§ **WHAT IS REQUIRED**
From the records below, copy out exactly the lines from the one containing "#14=IFCLOCALPLACEMENT(#10,#13);" to the one containing "#45=IFCINDEXEDPOLYGONALFACE((1,3,11,9));", both included. Add nothing else.

Items listed in a dataset
┏━━

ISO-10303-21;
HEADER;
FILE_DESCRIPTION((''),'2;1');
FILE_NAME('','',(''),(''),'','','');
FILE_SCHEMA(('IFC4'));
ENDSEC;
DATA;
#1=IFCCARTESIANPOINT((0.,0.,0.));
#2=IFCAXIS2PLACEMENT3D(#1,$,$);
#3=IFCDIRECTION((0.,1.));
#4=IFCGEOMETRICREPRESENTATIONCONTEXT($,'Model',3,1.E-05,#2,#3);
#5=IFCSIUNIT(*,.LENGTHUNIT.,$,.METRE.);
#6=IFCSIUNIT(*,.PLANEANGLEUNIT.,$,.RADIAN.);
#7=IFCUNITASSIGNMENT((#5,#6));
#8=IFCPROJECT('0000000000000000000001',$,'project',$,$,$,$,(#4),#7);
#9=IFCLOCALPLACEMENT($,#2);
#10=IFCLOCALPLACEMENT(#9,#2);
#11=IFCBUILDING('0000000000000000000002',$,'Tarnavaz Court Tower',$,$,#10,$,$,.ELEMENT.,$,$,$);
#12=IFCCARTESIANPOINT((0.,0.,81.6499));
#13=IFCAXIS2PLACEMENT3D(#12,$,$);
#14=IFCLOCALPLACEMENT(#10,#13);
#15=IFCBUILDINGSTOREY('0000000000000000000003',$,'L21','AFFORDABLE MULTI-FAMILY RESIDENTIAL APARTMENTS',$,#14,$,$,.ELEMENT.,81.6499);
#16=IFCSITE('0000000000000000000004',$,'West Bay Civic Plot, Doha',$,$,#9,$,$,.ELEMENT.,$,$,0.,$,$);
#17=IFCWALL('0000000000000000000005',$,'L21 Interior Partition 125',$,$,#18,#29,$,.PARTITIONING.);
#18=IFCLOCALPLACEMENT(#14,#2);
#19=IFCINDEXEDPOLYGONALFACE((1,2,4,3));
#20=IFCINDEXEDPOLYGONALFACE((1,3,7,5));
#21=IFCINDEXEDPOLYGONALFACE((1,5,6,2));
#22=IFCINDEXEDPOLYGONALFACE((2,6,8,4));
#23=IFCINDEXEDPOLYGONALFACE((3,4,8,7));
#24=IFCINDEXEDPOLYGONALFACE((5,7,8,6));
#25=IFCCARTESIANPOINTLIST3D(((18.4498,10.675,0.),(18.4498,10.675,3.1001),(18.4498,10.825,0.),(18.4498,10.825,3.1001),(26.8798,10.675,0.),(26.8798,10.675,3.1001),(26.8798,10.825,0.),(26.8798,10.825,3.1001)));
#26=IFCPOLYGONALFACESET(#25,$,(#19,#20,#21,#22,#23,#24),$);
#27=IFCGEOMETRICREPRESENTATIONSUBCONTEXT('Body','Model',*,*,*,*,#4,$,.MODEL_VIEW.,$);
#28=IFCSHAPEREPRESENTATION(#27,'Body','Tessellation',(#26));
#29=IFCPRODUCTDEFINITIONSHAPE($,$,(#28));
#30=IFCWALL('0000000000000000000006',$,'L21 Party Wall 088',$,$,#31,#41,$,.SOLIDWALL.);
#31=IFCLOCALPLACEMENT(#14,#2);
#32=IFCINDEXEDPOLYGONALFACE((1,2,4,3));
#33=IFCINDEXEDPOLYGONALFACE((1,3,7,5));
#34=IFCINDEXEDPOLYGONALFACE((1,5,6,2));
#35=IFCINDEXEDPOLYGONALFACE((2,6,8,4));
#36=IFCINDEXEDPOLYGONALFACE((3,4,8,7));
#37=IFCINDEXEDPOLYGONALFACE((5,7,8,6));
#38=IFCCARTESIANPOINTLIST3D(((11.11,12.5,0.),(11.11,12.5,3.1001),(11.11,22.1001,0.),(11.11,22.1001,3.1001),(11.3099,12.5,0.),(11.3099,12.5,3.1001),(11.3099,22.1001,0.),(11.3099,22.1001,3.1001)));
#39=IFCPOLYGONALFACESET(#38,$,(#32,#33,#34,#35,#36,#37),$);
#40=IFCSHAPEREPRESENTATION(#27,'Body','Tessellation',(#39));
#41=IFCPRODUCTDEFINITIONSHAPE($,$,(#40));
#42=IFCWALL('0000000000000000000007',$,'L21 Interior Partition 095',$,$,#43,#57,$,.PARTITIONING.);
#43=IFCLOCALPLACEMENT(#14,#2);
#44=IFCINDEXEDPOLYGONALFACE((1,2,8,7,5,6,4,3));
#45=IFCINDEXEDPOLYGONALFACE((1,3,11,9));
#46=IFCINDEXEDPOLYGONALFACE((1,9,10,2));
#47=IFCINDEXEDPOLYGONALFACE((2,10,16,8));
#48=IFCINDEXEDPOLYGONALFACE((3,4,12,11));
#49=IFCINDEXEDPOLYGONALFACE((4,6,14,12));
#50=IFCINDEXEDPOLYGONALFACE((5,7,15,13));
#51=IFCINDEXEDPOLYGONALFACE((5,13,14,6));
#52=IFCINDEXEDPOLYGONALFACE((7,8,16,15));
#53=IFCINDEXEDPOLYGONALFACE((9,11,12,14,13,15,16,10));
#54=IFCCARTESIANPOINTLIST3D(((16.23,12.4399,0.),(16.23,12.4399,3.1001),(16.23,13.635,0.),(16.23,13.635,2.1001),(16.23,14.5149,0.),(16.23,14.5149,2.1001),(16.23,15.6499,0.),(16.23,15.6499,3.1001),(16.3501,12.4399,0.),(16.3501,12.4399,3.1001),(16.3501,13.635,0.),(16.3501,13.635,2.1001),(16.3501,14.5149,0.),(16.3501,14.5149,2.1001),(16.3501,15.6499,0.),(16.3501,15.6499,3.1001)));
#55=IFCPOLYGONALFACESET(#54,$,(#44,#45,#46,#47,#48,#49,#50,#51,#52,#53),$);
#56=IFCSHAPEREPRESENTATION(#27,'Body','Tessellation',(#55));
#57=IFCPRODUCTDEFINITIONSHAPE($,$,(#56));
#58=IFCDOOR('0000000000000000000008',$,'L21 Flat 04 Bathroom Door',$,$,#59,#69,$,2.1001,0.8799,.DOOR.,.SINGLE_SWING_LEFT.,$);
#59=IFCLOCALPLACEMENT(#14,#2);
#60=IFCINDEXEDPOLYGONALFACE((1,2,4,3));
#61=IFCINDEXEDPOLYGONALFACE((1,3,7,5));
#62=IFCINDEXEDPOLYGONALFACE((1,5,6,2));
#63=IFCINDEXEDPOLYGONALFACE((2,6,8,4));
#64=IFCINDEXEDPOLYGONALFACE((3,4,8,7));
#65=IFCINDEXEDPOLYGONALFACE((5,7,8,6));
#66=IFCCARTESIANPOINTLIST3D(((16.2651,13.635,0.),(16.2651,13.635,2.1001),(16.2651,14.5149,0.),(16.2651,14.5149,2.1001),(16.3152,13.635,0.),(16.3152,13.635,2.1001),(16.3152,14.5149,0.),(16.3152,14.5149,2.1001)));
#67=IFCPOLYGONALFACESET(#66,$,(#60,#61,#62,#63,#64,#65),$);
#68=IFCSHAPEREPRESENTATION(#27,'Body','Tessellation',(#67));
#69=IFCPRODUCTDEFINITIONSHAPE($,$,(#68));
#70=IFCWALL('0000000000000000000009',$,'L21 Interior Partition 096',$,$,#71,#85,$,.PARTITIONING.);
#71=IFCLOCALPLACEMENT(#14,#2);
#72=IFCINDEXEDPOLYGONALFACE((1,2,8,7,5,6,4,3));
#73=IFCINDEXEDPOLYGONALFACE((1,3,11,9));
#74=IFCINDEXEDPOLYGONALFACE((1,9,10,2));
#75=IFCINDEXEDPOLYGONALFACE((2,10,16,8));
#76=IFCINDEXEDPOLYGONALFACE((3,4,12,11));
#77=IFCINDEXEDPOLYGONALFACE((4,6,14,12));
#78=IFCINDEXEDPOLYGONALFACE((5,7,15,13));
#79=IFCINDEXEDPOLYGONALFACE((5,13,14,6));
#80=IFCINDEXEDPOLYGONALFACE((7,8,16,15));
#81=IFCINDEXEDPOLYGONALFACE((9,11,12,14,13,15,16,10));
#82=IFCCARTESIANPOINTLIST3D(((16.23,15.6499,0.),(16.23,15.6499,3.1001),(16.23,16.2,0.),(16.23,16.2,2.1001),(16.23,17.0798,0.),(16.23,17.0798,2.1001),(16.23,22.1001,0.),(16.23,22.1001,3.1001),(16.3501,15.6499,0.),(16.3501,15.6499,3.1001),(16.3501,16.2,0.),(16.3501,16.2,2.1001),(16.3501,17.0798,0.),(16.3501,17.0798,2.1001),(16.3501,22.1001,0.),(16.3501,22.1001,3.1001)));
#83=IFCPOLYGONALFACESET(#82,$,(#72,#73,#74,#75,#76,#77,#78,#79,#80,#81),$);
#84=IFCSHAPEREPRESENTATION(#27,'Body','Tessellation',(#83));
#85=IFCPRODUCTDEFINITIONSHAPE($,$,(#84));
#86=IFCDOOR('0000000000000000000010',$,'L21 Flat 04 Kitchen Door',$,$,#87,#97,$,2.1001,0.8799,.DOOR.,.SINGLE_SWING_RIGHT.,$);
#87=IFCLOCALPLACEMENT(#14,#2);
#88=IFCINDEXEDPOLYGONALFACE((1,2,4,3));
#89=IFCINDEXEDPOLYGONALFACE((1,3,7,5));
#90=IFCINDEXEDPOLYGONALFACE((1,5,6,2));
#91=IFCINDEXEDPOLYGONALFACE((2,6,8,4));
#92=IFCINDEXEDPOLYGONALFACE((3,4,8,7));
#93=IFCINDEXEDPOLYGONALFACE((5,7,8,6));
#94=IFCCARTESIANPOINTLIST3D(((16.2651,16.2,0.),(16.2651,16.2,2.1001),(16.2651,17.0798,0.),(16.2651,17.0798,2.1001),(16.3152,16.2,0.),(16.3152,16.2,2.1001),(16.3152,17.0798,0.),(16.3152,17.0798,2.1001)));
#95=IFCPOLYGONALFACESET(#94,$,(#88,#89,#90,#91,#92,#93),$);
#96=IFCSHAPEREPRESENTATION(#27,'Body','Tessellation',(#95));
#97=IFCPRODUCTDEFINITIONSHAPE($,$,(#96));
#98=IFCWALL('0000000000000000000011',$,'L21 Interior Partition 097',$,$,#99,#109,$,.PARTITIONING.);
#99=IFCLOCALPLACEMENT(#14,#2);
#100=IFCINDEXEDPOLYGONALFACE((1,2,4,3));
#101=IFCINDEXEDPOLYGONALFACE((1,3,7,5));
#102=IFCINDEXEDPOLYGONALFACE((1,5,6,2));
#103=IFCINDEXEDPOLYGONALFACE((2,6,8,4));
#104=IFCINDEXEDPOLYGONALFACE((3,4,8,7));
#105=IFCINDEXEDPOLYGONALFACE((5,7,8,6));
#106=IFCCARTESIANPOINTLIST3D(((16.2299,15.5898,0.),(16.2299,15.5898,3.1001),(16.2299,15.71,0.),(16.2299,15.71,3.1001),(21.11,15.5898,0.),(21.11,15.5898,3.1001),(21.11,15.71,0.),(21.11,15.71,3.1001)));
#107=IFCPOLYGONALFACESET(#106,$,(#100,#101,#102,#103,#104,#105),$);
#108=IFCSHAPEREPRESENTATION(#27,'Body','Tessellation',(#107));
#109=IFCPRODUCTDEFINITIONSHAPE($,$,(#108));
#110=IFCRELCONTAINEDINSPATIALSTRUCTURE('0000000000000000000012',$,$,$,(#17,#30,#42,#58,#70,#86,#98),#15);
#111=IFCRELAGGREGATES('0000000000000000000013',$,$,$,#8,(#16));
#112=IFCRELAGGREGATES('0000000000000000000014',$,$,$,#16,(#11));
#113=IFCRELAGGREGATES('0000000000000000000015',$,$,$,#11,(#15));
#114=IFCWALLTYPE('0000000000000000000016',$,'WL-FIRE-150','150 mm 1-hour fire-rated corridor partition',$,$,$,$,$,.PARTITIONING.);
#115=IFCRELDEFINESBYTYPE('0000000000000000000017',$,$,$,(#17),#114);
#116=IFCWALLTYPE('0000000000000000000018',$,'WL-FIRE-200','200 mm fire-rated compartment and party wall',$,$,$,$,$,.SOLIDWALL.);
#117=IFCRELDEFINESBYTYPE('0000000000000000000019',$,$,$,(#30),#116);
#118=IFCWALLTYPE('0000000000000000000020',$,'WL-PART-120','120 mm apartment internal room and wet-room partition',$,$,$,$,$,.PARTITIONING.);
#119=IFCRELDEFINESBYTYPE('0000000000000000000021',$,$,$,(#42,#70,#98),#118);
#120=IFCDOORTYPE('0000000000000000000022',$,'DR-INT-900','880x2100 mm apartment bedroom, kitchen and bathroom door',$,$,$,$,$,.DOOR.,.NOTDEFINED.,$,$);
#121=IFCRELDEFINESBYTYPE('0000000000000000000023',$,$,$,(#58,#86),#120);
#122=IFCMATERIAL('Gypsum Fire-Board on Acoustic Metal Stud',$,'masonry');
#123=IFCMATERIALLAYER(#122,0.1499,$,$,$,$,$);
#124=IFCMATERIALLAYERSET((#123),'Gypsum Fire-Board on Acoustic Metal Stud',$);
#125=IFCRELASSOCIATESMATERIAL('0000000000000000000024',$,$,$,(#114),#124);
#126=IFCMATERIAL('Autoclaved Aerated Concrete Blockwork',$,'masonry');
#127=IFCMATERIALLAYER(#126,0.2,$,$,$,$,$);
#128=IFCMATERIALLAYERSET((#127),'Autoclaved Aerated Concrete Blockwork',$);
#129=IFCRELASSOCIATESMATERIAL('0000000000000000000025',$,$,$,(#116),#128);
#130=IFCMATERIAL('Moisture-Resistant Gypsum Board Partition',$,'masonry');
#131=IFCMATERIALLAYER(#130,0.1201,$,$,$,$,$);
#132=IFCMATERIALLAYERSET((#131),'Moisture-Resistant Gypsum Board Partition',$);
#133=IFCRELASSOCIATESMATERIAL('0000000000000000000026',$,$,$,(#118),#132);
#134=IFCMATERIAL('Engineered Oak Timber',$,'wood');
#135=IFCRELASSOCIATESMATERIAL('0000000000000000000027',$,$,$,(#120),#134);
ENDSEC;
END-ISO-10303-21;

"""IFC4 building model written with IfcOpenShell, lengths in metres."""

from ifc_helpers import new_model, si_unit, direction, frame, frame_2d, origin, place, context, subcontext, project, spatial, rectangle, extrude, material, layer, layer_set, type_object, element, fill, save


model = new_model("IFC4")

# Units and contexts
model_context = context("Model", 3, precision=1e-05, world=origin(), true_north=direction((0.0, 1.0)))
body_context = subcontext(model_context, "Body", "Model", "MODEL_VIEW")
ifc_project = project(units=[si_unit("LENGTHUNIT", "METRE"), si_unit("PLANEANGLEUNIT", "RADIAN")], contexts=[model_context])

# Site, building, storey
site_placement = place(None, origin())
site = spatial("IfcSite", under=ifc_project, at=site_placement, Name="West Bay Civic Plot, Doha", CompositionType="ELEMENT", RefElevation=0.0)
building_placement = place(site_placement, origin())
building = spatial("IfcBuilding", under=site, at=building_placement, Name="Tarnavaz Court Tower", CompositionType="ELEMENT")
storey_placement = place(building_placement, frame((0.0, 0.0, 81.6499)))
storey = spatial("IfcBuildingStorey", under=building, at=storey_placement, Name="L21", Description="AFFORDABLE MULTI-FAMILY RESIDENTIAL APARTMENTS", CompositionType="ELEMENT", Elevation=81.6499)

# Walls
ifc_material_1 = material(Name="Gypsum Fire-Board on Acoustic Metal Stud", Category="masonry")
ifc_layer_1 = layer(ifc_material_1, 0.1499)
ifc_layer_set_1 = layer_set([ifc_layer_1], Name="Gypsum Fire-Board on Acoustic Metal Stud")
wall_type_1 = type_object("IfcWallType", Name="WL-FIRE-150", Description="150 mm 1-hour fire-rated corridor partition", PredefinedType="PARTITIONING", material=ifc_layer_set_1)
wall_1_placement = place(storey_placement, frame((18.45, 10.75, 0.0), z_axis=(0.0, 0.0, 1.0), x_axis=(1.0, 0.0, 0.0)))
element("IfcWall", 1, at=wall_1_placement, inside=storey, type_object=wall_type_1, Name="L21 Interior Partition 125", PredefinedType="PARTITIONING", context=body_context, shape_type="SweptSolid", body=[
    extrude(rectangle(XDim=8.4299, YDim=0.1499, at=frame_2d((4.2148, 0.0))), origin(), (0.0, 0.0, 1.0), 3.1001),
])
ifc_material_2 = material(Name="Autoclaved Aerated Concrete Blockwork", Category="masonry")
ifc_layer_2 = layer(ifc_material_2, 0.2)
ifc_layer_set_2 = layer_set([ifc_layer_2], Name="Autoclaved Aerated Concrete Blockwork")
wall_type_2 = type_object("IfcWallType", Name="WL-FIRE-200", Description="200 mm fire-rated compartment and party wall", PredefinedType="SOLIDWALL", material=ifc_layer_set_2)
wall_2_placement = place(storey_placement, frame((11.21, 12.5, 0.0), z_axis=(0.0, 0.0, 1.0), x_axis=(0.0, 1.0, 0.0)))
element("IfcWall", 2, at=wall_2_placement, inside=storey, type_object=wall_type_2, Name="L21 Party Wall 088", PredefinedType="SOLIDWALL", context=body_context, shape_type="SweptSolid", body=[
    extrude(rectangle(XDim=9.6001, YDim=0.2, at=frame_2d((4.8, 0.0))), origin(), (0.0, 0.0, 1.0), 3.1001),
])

┗━━
┏━━

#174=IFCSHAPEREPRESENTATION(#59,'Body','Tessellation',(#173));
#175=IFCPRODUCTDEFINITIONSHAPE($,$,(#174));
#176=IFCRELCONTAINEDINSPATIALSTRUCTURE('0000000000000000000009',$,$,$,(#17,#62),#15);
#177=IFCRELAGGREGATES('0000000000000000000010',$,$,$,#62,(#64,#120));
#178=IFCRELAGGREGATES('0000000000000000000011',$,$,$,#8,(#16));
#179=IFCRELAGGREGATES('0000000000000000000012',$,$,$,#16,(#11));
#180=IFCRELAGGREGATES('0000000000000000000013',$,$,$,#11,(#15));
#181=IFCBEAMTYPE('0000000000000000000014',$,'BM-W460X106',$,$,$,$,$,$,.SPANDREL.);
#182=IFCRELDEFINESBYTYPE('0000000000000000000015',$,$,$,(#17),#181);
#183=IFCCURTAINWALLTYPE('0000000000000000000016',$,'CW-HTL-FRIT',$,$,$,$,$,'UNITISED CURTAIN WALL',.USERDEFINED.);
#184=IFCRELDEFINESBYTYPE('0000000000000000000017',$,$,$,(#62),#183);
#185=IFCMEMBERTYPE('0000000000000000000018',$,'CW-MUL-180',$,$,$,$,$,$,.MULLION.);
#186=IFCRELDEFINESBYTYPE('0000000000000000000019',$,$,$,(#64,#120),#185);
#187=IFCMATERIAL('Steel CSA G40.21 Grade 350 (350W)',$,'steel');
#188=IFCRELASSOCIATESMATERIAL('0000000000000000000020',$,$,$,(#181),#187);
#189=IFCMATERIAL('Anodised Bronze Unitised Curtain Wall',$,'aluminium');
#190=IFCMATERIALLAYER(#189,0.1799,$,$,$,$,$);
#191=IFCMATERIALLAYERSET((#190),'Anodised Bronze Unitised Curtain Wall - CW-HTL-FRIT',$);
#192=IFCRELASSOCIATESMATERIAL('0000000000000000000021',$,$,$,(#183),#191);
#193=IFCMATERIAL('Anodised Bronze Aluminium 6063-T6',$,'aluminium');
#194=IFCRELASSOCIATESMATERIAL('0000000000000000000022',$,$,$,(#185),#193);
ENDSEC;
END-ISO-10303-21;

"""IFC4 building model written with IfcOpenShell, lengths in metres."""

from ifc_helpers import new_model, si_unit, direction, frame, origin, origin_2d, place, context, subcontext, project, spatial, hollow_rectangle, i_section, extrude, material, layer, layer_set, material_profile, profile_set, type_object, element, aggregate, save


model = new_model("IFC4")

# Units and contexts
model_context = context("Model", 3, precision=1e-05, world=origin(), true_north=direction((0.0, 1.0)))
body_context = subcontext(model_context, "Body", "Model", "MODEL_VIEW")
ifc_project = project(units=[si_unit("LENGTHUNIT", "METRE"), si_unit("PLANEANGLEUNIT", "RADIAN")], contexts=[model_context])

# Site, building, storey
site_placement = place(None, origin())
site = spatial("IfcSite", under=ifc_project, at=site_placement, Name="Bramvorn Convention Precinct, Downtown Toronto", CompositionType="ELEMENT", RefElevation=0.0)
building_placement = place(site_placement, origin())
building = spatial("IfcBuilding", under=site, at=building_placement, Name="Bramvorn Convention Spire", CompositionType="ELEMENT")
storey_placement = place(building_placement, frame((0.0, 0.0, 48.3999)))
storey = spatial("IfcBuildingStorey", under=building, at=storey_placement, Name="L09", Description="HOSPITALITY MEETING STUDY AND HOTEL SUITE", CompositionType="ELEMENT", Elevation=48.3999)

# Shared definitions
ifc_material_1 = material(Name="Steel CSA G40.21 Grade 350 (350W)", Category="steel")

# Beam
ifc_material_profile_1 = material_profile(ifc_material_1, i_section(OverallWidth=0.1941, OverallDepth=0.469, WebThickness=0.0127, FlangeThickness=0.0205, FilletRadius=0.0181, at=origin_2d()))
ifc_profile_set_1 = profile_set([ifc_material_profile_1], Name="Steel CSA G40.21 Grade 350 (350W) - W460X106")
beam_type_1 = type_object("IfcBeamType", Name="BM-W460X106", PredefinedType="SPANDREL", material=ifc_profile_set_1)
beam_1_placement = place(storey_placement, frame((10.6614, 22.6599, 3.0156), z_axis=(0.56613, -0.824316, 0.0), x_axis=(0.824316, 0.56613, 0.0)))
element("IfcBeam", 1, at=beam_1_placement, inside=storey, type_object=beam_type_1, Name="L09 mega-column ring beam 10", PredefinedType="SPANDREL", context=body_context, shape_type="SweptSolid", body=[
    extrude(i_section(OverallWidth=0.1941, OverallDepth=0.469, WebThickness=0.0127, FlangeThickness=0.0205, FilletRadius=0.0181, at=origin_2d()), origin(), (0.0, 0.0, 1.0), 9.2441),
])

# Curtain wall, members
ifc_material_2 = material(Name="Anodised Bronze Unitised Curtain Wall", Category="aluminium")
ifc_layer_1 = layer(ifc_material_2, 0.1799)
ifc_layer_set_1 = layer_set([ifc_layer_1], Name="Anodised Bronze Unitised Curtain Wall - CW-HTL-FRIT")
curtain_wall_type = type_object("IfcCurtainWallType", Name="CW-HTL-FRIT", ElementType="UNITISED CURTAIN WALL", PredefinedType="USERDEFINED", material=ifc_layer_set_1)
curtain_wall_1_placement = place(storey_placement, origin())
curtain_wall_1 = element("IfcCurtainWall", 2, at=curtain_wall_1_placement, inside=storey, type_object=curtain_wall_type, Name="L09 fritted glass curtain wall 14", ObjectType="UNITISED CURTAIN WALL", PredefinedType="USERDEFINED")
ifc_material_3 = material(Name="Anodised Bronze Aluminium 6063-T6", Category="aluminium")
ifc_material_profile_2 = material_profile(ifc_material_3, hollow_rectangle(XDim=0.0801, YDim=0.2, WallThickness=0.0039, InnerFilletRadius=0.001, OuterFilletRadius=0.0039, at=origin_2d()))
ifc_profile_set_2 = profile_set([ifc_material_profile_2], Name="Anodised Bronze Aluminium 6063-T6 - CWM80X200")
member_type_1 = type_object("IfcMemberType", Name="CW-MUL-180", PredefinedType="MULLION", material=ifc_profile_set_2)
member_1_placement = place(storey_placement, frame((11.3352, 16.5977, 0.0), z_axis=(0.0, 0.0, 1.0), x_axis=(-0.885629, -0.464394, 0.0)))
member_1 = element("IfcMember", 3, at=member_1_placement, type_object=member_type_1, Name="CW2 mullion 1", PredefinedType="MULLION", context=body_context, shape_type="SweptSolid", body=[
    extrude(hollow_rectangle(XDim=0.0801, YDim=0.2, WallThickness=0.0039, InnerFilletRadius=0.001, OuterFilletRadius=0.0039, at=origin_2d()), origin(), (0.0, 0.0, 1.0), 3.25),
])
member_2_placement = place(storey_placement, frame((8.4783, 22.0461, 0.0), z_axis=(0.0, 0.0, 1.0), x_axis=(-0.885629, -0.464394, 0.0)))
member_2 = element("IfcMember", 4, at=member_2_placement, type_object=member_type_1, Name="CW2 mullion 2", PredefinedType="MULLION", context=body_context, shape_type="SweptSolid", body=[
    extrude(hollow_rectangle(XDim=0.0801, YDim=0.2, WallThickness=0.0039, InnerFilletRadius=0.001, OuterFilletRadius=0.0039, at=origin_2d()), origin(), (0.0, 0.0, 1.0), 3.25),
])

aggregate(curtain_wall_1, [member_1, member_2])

┗━━

§ **SOLUTION TO THIS PROBLEM**
#14=IFCLOCALPLACEMENT(#10,#13);
#15=IFCBUILDINGSTOREY('0000000000000000000003',$,'L21','AFFORDABLE MULTI-FAMILY RESIDENTIAL APARTMENTS',$,#14,$,$,.ELEMENT.,81.6499);
#16=IFCSITE('0000000000000000000004',$,'West Bay Civic Plot, Doha',$,$,#9,$,$,.ELEMENT.,$,$,0.,$,$);
#17=IFCWALL('0000000000000000000005',$,'L21 Interior Partition 125',$,$,#18,#29,$,.PARTITIONING.);
#18=IFCLOCALPLACEMENT(#14,#2);
#19=IFCINDEXEDPOLYGONALFACE((1,2,4,3));
#20=IFCINDEXEDPOLYGONALFACE((1,3,7,5));
#21=IFCINDEXEDPOLYGONALFACE((1,5,6,2));
#22=IFCINDEXEDPOLYGONALFACE((2,6,8,4));
#23=IFCINDEXEDPOLYGONALFACE((3,4,8,7));
#24=IFCINDEXEDPOLYGONALFACE((5,7,8,6));
#25=IFCCARTESIANPOINTLIST3D(((18.4498,10.675,0.),(18.4498,10.675,3.1001),(18.4498,10.825,0.),(18.4498,10.825,3.1001),(26.8798,10.675,0.),(26.8798,10.675,3.1001),(26.8798,10.825,0.),(26.8798,10.825,3.1001)));
#26=IFCPOLYGONALFACESET(#25,$,(#19,#20,#21,#22,#23,#24),$);
#27=IFCGEOMETRICREPRESENTATIONSUBCONTEXT('Body','Model',*,*,*,*,#4,$,.MODEL_VIEW.,$);
#28=IFCSHAPEREPRESENTATION(#27,'Body','Tessellation',(#26));
#29=IFCPRODUCTDEFINITIONSHAPE($,$,(#28));
#30=IFCWALL('0000000000000000000006',$,'L21 Party Wall 088',$,$,#31,#41,$,.SOLIDWALL.);
#31=IFCLOCALPLACEMENT(#14,#2);
#32=IFCINDEXEDPOLYGONALFACE((1,2,4,3));
#33=IFCINDEXEDPOLYGONALFACE((1,3,7,5));
#34=IFCINDEXEDPOLYGONALFACE((1,5,6,2));
#35=IFCINDEXEDPOLYGONALFACE((2,6,8,4));
#36=IFCINDEXEDPOLYGONALFACE((3,4,8,7));
#37=IFCINDEXEDPOLYGONALFACE((5,7,8,6));
#38=IFCCARTESIANPOINTLIST3D(((11.11,12.5,0.),(11.11,12.5,3.1001),(11.11,22.1001,0.),(11.11,22.1001,3.1001),(11.3099,12.5,0.),(11.3099,12.5,3.1001),(11.3099,22.1001,0.),(11.3099,22.1001,3.1001)));
#39=IFCPOLYGONALFACESET(#38,$,(#32,#33,#34,#35,#36,#37),$);
#40=IFCSHAPEREPRESENTATION(#27,'Body','Tessellation',(#39));
#41=IFCPRODUCTDEFINITIONSHAPE($,$,(#40));
#42=IFCWALL('0000000000000000000007',$,'L21 Interior Partition 095',$,$,#43,#57,$,.PARTITIONING.);
#43=IFCLOCALPLACEMENT(#14,#2);
#44=IFCINDEXEDPOLYGONALFACE((1,2,8,7,5,6,4,3));
#45=IFCINDEXEDPOLYGONALFACE((1,3,11,9));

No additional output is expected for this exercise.